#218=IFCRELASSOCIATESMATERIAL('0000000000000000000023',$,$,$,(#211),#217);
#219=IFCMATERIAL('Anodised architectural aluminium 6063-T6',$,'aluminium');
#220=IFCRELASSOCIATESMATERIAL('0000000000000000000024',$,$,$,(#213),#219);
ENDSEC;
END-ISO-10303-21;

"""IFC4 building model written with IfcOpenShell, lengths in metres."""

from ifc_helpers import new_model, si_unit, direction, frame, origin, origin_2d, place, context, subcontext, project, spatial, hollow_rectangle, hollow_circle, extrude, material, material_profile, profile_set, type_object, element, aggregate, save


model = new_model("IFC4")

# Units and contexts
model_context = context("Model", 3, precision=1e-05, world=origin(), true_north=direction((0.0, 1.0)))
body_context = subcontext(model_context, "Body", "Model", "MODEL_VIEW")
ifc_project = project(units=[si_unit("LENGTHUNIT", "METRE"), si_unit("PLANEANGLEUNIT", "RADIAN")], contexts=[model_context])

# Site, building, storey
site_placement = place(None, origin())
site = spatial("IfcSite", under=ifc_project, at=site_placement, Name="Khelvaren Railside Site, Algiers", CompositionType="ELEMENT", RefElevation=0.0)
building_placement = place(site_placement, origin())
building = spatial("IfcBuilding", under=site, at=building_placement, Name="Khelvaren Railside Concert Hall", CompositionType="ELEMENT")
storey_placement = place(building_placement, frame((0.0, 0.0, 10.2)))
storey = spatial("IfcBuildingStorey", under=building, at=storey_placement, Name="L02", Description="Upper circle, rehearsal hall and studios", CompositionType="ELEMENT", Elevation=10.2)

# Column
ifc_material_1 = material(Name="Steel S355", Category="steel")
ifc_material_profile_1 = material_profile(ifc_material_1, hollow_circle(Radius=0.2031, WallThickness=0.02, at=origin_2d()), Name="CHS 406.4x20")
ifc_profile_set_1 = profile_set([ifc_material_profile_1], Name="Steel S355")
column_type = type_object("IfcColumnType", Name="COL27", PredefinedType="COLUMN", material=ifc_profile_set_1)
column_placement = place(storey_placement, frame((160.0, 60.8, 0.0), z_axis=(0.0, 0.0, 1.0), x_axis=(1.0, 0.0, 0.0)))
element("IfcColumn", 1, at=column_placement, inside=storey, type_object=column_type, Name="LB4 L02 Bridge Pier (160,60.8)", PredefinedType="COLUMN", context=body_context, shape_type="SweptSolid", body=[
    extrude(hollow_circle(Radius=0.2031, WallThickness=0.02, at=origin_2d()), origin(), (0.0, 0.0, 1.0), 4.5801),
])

-------------------------

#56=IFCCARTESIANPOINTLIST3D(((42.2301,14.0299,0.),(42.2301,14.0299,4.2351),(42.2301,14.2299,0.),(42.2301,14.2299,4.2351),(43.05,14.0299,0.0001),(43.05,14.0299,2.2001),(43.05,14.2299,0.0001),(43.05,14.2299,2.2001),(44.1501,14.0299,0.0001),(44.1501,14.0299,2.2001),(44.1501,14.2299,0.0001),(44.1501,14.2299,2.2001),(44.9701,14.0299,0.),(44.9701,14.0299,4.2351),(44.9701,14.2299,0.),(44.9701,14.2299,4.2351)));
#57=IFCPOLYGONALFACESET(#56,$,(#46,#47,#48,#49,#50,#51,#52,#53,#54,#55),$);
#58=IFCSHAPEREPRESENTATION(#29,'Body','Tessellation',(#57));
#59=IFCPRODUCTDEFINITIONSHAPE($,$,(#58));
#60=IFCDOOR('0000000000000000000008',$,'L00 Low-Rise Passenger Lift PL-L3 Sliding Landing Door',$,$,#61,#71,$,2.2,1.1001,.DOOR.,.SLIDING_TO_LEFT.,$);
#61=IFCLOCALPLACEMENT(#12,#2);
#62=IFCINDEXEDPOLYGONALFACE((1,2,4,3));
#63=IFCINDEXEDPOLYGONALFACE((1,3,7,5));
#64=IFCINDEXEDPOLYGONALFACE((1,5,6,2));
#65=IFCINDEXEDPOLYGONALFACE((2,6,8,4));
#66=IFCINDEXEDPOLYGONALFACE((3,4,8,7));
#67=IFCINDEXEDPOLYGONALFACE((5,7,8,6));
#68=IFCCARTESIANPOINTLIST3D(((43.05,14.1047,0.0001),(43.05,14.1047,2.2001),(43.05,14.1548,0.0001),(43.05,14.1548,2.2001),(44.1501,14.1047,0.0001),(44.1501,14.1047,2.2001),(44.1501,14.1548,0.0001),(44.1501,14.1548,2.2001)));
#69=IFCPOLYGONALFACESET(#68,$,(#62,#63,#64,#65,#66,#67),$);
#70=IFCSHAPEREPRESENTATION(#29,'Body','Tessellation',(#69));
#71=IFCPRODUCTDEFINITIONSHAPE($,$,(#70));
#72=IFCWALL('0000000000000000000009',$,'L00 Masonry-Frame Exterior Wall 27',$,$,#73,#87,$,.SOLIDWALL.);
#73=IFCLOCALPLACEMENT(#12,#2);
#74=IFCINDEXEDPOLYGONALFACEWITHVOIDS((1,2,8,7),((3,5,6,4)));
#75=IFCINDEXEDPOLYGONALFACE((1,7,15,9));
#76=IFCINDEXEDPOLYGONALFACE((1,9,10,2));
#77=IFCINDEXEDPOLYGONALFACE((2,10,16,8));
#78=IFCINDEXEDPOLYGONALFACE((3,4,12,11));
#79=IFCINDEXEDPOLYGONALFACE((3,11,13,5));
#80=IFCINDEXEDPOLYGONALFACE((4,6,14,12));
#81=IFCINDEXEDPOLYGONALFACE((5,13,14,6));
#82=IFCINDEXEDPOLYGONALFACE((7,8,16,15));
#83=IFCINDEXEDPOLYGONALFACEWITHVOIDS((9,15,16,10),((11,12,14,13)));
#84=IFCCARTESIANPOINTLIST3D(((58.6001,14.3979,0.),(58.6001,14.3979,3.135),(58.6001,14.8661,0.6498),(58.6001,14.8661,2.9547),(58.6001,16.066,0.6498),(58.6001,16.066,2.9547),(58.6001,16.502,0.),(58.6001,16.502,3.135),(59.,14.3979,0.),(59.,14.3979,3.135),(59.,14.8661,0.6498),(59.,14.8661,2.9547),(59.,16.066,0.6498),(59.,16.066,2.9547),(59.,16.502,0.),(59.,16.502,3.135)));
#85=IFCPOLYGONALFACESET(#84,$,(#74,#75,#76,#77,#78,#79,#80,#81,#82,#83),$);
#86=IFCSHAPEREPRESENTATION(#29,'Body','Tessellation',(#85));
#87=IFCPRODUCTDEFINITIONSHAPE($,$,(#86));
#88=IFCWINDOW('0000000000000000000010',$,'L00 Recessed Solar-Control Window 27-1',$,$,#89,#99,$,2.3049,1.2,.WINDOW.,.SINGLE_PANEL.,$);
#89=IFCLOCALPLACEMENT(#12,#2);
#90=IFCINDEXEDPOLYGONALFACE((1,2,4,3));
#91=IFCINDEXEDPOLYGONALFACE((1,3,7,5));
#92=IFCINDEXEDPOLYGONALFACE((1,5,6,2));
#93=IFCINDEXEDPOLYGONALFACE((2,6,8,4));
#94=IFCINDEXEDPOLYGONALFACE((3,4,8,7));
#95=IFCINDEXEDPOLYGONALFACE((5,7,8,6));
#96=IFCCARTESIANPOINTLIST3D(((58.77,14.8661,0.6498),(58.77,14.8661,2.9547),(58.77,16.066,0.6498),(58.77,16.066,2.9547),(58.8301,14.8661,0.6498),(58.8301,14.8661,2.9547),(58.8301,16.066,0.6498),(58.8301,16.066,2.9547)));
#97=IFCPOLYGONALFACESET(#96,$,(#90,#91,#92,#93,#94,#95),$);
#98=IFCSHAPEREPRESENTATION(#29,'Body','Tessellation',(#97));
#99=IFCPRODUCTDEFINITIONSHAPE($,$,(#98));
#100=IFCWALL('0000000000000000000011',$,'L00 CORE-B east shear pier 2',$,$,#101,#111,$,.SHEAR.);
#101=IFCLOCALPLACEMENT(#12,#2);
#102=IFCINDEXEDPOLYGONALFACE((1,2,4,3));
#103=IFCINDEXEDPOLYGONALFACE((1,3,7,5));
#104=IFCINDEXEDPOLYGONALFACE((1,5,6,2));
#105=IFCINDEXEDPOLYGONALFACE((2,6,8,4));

-------------------------

**Assigned task**
Please, from the material above, copy only the lines from the line with "#73=IFCLOCALPLACEMENT(#12,#2);" up to and including the line with "#105=IFCINDEXEDPOLYGONALFACE((2,6,8,4));", exactly as written.

**Answer for this exercise**
#73=IFCLOCALPLACEMENT(#12,#2);
#74=IFCINDEXEDPOLYGONALFACEWITHVOIDS((1,2,8,7),((3,5,6,4)));
#75=IFCINDEXEDPOLYGONALFACE((1,7,15,9));
#76=IFCINDEXEDPOLYGONALFACE((1,9,10,2));
#77=IFCINDEXEDPOLYGONALFACE((2,10,16,8));
#78=IFCINDEXEDPOLYGONALFACE((3,4,12,11));
#79=IFCINDEXEDPOLYGONALFACE((3,11,13,5));
#80=IFCINDEXEDPOLYGONALFACE((4,6,14,12));
#81=IFCINDEXEDPOLYGONALFACE((5,13,14,6));
#82=IFCINDEXEDPOLYGONALFACE((7,8,16,15));
#83=IFCINDEXEDPOLYGONALFACEWITHVOIDS((9,15,16,10),((11,12,14,13)));
#84=IFCCARTESIANPOINTLIST3D(((58.6001,14.3979,0.),(58.6001,14.3979,3.135),(58.6001,14.8661,0.6498),(58.6001,14.8661,2.9547),(58.6001,16.066,0.6498),(58.6001,16.066,2.9547),(58.6001,16.502,0.),(58.6001,16.502,3.135),(59.,14.3979,0.),(59.,14.3979,3.135),(59.,14.8661,0.6498),(59.,14.8661,2.9547),(59.,16.066,0.6498),(59.,16.066,2.9547),(59.,16.502,0.),(59.,16.502,3.135)));
#85=IFCPOLYGONALFACESET(#84,$,(#74,#75,#76,#77,#78,#79,#80,#81,#82,#83),$);
#86=IFCSHAPEREPRESENTATION(#29,'Body','Tessellation',(#85));
#87=IFCPRODUCTDEFINITIONSHAPE($,$,(#86));
#88=IFCWINDOW('0000000000000000000010',$,'L00 Recessed Solar-Control Window 27-1',$,$,#89,#99,$,2.3049,1.2,.WINDOW.,.SINGLE_PANEL.,$);
#89=IFCLOCALPLACEMENT(#12,#2);
#90=IFCINDEXEDPOLYGONALFACE((1,2,4,3));
#91=IFCINDEXEDPOLYGONALFACE((1,3,7,5));
#92=IFCINDEXEDPOLYGONALFACE((1,5,6,2));
#93=IFCINDEXEDPOLYGONALFACE((2,6,8,4));
#94=IFCINDEXEDPOLYGONALFACE((3,4,8,7));
#95=IFCINDEXEDPOLYGONALFACE((5,7,8,6));
#96=IFCCARTESIANPOINTLIST3D(((58.77,14.8661,0.6498),(58.77,14.8661,2.9547),(58.77,16.066,0.6498),(58.77,16.066,2.9547),(58.8301,14.8661,0.6498),(58.8301,14.8661,2.9547),(58.8301,16.066,0.6498),(58.8301,16.066,2.9547)));
#97=IFCPOLYGONALFACESET(#96,$,(#90,#91,#92,#93,#94,#95),$);
#98=IFCSHAPEREPRESENTATION(#29,'Body','Tessellation',(#97));
#99=IFCPRODUCTDEFINITIONSHAPE($,$,(#98));
#100=IFCWALL('0000000000000000000011',$,'L00 CORE-B east shear pier 2',$,$,#101,#111,$,.SHEAR.);
#101=IFCLOCALPLACEMENT(#12,#2);
#102=IFCINDEXEDPOLYGONALFACE((1,2,4,3));
#103=IFCINDEXEDPOLYGONALFACE((1,3,7,5));
#104=IFCINDEXEDPOLYGONALFACE((1,5,6,2));
#105=IFCINDEXEDPOLYGONALFACE((2,6,8,4));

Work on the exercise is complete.